## WHAT IS EXPECTED
What is needed is an exact copy of the lines in the listing below, from the one with "#52=IFCINDEXEDPOLYGONALFACE((1,2,4,3));" up to and including the one with "#80=IFCDOORTYPE('0000000000000000000015',$,'Fire door 1000", with no other lines.

## SUPPLIED ENTRIES
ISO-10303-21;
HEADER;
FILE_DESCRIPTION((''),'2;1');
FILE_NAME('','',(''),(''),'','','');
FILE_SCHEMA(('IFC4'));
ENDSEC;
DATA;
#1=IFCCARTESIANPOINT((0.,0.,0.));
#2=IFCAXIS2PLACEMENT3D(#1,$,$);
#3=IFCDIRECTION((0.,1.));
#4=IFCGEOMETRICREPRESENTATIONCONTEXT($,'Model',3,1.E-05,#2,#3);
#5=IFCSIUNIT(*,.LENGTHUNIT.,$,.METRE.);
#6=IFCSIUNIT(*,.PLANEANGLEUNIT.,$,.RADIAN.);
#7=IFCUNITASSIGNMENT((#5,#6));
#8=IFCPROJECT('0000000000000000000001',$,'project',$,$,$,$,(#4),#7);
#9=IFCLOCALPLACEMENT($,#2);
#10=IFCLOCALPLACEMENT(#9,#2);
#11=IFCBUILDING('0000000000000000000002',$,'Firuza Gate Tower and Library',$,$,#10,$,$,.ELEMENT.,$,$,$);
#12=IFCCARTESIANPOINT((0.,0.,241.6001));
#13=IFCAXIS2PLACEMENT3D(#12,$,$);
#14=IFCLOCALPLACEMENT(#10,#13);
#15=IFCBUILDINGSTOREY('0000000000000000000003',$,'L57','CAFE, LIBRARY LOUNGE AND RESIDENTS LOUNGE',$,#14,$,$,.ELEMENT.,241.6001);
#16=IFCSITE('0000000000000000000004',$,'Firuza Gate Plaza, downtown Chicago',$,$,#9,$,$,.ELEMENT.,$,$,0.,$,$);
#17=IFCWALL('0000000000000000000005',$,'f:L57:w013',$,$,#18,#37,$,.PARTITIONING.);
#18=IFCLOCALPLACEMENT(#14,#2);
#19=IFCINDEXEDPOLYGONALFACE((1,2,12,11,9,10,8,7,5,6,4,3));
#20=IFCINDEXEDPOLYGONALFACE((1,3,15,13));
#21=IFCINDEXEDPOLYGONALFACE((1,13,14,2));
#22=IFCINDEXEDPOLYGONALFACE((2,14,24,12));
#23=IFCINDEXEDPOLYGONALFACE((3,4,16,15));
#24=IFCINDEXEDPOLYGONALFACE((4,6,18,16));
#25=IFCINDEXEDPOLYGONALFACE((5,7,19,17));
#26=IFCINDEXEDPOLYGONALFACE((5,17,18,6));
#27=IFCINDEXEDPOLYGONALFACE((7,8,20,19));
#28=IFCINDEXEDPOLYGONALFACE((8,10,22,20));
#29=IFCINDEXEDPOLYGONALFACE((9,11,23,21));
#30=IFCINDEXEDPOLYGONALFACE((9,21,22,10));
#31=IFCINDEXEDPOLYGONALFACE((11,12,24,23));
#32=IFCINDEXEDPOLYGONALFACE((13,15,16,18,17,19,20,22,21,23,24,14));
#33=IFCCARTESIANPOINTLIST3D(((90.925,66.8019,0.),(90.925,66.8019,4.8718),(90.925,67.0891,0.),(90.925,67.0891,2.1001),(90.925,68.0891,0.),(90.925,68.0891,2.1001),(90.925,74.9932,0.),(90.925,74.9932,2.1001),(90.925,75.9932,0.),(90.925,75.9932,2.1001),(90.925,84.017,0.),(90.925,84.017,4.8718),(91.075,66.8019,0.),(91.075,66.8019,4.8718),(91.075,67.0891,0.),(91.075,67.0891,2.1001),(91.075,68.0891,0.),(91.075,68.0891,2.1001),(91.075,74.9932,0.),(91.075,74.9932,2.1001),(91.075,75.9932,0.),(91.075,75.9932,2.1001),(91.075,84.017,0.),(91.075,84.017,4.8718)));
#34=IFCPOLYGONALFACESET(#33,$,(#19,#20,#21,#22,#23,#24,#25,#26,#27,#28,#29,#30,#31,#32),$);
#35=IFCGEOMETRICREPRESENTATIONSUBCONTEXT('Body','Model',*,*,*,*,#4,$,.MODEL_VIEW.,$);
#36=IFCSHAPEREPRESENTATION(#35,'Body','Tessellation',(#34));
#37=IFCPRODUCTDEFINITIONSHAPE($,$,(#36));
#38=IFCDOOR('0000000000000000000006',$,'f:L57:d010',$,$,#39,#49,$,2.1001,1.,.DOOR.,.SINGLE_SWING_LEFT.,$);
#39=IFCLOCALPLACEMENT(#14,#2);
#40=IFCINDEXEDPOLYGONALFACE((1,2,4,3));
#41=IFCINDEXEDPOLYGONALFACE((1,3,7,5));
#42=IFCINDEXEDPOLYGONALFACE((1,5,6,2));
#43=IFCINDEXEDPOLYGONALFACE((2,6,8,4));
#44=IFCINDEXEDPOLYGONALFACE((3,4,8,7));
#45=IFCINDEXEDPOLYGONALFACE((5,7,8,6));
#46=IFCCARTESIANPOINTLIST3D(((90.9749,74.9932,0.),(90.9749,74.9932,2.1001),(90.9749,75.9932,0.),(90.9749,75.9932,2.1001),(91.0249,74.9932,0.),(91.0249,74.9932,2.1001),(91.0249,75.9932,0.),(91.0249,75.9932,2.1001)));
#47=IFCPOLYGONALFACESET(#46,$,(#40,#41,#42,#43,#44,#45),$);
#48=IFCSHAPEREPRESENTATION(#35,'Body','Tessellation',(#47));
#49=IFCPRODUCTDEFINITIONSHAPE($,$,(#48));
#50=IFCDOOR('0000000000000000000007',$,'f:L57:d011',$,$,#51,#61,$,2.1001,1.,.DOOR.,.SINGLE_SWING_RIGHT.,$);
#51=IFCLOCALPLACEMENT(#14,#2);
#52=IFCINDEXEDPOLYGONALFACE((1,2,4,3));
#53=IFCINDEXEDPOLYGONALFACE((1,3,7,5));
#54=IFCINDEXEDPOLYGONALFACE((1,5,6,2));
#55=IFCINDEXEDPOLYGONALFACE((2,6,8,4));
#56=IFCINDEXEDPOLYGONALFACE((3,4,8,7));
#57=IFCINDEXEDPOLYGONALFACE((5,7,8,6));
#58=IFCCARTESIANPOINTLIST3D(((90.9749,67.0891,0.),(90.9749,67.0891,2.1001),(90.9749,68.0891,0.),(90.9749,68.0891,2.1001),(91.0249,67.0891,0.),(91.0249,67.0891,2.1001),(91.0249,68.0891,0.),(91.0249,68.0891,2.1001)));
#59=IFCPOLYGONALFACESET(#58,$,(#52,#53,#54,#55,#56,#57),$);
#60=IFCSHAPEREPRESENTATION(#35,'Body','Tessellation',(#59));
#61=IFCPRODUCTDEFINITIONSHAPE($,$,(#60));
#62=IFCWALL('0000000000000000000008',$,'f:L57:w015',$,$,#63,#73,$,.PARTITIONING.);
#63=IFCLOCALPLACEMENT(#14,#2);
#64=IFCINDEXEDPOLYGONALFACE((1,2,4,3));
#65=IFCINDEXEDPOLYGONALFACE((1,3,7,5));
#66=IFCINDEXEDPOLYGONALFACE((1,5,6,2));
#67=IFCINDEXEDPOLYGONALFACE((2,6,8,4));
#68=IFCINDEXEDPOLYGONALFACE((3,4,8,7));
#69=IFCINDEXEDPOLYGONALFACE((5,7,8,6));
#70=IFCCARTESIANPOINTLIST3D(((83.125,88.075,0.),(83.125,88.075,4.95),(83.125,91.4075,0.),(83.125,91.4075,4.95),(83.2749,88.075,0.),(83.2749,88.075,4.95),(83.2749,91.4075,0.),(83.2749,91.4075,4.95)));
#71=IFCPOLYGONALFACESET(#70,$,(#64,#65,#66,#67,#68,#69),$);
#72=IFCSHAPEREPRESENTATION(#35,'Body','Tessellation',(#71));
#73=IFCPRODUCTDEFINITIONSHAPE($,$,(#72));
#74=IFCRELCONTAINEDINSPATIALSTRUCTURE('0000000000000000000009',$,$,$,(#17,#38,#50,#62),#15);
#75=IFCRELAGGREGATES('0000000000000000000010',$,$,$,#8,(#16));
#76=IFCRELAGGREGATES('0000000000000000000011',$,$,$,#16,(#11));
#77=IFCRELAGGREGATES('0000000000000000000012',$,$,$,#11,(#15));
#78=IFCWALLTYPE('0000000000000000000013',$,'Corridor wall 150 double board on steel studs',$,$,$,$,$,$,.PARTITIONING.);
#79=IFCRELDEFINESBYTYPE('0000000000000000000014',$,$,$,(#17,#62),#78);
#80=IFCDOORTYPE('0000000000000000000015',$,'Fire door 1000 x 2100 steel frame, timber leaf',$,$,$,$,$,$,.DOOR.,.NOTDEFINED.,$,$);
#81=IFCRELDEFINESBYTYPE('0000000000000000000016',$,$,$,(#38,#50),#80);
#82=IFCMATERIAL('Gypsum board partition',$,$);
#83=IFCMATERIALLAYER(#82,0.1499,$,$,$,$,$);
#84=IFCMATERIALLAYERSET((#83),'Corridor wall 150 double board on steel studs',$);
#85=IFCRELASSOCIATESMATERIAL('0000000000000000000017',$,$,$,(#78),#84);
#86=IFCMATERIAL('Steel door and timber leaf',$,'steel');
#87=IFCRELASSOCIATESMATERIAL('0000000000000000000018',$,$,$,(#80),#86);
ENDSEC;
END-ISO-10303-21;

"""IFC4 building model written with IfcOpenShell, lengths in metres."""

from ifc_helpers import new_model, si_unit, direction, frame, frame_2d, origin, place, context, subcontext, project, spatial, rectangle, extrude, material, layer, layer_set, type_object, element, fill, save


model = new_model("IFC4")

# Units and contexts
model_context = context("Model", 3, precision=1e-05, world=origin(), true_north=direction((0.0, 1.0)))
body_context = subcontext(model_context, "Body", "Model", "MODEL_VIEW")
ifc_project = project(units=[si_unit("LENGTHUNIT", "METRE"), si_unit("PLANEANGLEUNIT", "RADIAN")], contexts=[model_context])

# Site, building, storey
site_placement = place(None, origin())
site = spatial("IfcSite", under=ifc_project, at=site_placement, Name="Firuza Gate Plaza, downtown Chicago", CompositionType="ELEMENT", RefElevation=0.0)
building_placement = place(site_placement, origin())
building = spatial("IfcBuilding", under=site, at=building_placement, Name="Firuza Gate Tower and Library", CompositionType="ELEMENT")
storey_placement = place(building_placement, frame((0.0, 0.0, 241.6001)))
storey = spatial("IfcBuildingStorey", under=building, at=storey_placement, Name="L57", Description="CAFE, LIBRARY LOUNGE AND RESIDENTS LOUNGE", CompositionType="ELEMENT", Elevation=241.6001)

# Shared definitions
ifc_material_1 = material(Name="Gypsum board partition")
ifc_layer_1 = layer(ifc_material_1, 0.1499)
ifc_layer_set_1 = layer_set([ifc_layer_1], Name="Corridor wall 150 double board on steel studs")
wall_type_1 = type_object("IfcWallType", Name="Corridor wall 150 double board on steel studs", PredefinedType="PARTITIONING", material=ifc_layer_set_1)

# Wall, openings, doors
wall_1_placement = place(storey_placement, frame((91.0, 84.0168, 0.0), z_axis=(0.0, 0.0, 1.0), x_axis=(0.0, -1.0, 0.0)))
wall_1 = element("IfcWall", 1, at=wall_1_placement, inside=storey, type_object=wall_type_1, Name="f:L57:w013", PredefinedType="PARTITIONING", context=body_context, shape_type="SweptSolid", body=[
    extrude(rectangle(XDim=17.2151, YDim=0.1499, at=frame_2d((8.6074, 0.0))), origin(), (0.0, 0.0, 1.0), 4.8718),
])
opening_1_placement = place(wall_1_placement, frame((8.0237, 0.0, 0.0)))
opening_1 = element("IfcOpeningElement", 2, at=opening_1_placement, cuts=wall_1, PredefinedType="OPENING", context=body_context, shape_type="SweptSolid", body=[
    extrude(rectangle(XDim=1.0, YDim=2.1001, at=frame_2d((0.5, 1.05))), frame((0.0, 0.085, 0.0), z_axis=(0.0, -1.0, 0.0), x_axis=(1.0, 0.0, 0.0)), (0.0, 0.0, 1.0), 0.1699),
])
opening_2_placement = place(wall_1_placement, frame((15.9277, 0.0, 0.0)))
opening_2 = element("IfcOpeningElement", 3, at=opening_2_placement, cuts=wall_1, PredefinedType="OPENING", context=body_context, shape_type="SweptSolid", body=[
    extrude(rectangle(XDim=1.0, YDim=2.1001, at=frame_2d((0.5, 1.05))), frame((0.0, 0.085, 0.0), z_axis=(0.0, -1.0, 0.0), x_axis=(1.0, 0.0, 0.0)), (0.0, 0.0, 1.0), 0.1699),
])
ifc_material_2 = material(Name="Steel door and timber leaf", Category="steel")
door_type_1 = type_object("IfcDoorType", Name="Fire door 1000 x 2100 steel frame, timber leaf", OperationType="NOTDEFINED", PredefinedType="DOOR", material=ifc_material_2)
door_1_placement = place(opening_1_placement, origin())
door_1 = element("IfcDoor", 4, at=door_1_placement, inside=storey, type_object=door_type_1, Name="f:L57:d010", OperationType="SINGLE_SWING_LEFT", OverallHeight=2.1001, OverallWidth=1.0, PredefinedType="DOOR", context=body_context, shape_type="SweptSolid", body=[
    extrude(rectangle(XDim=1.0, YDim=2.1001, at=frame_2d((0.5, 1.05))), frame((0.0, 0.0249, 0.0), z_axis=(0.0, -1.0, 0.0), x_axis=(1.0, 0.0, 0.0)), (0.0, 0.0, 1.0), 0.05),
])
fill(opening_1, door_1)
door_2_placement = place(opening_2_placement, origin())
door_2 = element("IfcDoor", 5, at=door_2_placement, inside=storey, type_object=door_type_1, Name="f:L57:d011", OperationType="SINGLE_SWING_RIGHT", OverallHeight=2.1001, OverallWidth=1.0, PredefinedType="DOOR", context=body_context, shape_type="SweptSolid", body=[
    extrude(rectangle(XDim=1.0, YDim=2.1001, at=frame_2d((0.5, 1.05))), frame((0.0, 0.0249, 0.0), z_axis=(0.0, -1.0, 0.0), x_axis=(1.0, 0.0, 0.0)), (0.0, 0.0, 1.0), 0.05),
])
fill(opening_2, door_2)

# Wall
wall_2_placement = place(storey_placement, frame((83.2, 88.075, 0.0), z_axis=(0.0, 0.0, 1.0), x_axis=(0.0, 1.0, 0.0)))
element("IfcWall", 6, at=wall_2_placement, inside=storey, type_object=wall_type_1, Name="f:L57:w015", PredefinedType="PARTITIONING", context=body_context, shape_type="SweptSolid", body=[
    extrude(rectangle(XDim=3.3325, YDim=0.1499, at=frame_2d((1.6663, 0.0))), origin(), (0.0, 0.0, 1.0), 4.95),
])

save(model, "model.ifc")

## REPLY TO THE EXERCISE
#52=IFCINDEXEDPOLYGONALFACE((1,2,4,3));
#53=IFCINDEXEDPOLYGONALFACE((1,3,7,5));
#54=IFCINDEXEDPOLYGONALFACE((1,5,6,2));
#55=IFCINDEXEDPOLYGONALFACE((2,6,8,4));
#56=IFCINDEXEDPOLYGONALFACE((3,4,8,7));
#57=IFCINDEXEDPOLYGONALFACE((5,7,8,6));
#58=IFCCARTESIANPOINTLIST3D(((90.9749,67.0891,0.),(90.9749,67.0891,2.1001),(90.9749,68.0891,0.),(90.9749,68.0891,2.1001),(91.0249,67.0891,0.),(91.0249,67.0891,2.1001),(91.0249,68.0891,0.),(91.0249,68.0891,2.1001)));
#59=IFCPOLYGONALFACESET(#58,$,(#52,#53,#54,#55,#56,#57),$);
#60=IFCSHAPEREPRESENTATION(#35,'Body','Tessellation',(#59));
#61=IFCPRODUCTDEFINITIONSHAPE($,$,(#60));
#62=IFCWALL('0000000000000000000008',$,'f:L57:w015',$,$,#63,#73,$,.PARTITIONING.);
#63=IFCLOCALPLACEMENT(#14,#2);
#64=IFCINDEXEDPOLYGONALFACE((1,2,4,3));
#65=IFCINDEXEDPOLYGONALFACE((1,3,7,5));
#66=IFCINDEXEDPOLYGONALFACE((1,5,6,2));
#67=IFCINDEXEDPOLYGONALFACE((2,6,8,4));
#68=IFCINDEXEDPOLYGONALFACE((3,4,8,7));
#69=IFCINDEXEDPOLYGONALFACE((5,7,8,6));
#70=IFCCARTESIANPOINTLIST3D(((83.125,88.075,0.),(83.125,88.075,4.95),(83.125,91.4075,0.),(83.125,91.4075,4.95),(83.2749,88.075,0.),(83.2749,88.075,4.95),(83.2749,91.4075,0.),(83.2749,91.4075,4.95)));
#71=IFCPOLYGONALFACESET(#70,$,(#64,#65,#66,#67,#68,#69),$);
#72=IFCSHAPEREPRESENTATION(#35,'Body','Tessellation',(#71));
#73=IFCPRODUCTDEFINITIONSHAPE($,$,(#72));
#74=IFCRELCONTAINEDINSPATIALSTRUCTURE('0000000000000000000009',$,$,$,(#17,#38,#50,#62),#15);
#75=IFCRELAGGREGATES('0000000000000000000010',$,$,$,#8,(#16));
#76=IFCRELAGGREGATES('0000000000000000000011',$,$,$,#16,(#11));
#77=IFCRELAGGREGATES('0000000000000000000012',$,$,$,#11,(#15));
#78=IFCWALLTYPE('0000000000000000000013',$,'Corridor wall 150 double board on steel studs',$,$,$,$,$,$,.PARTITIONING.);
#79=IFCRELDEFINESBYTYPE('0000000000000000000014',$,$,$,(#17,#62),#78);
#80=IFCDOORTYPE('0000000000000000000015',$,'Fire door 1000 x 2100 steel frame, timber leaf',$,$,$,$,$,$,.DOOR.,.NOTDEFINED.,$,$);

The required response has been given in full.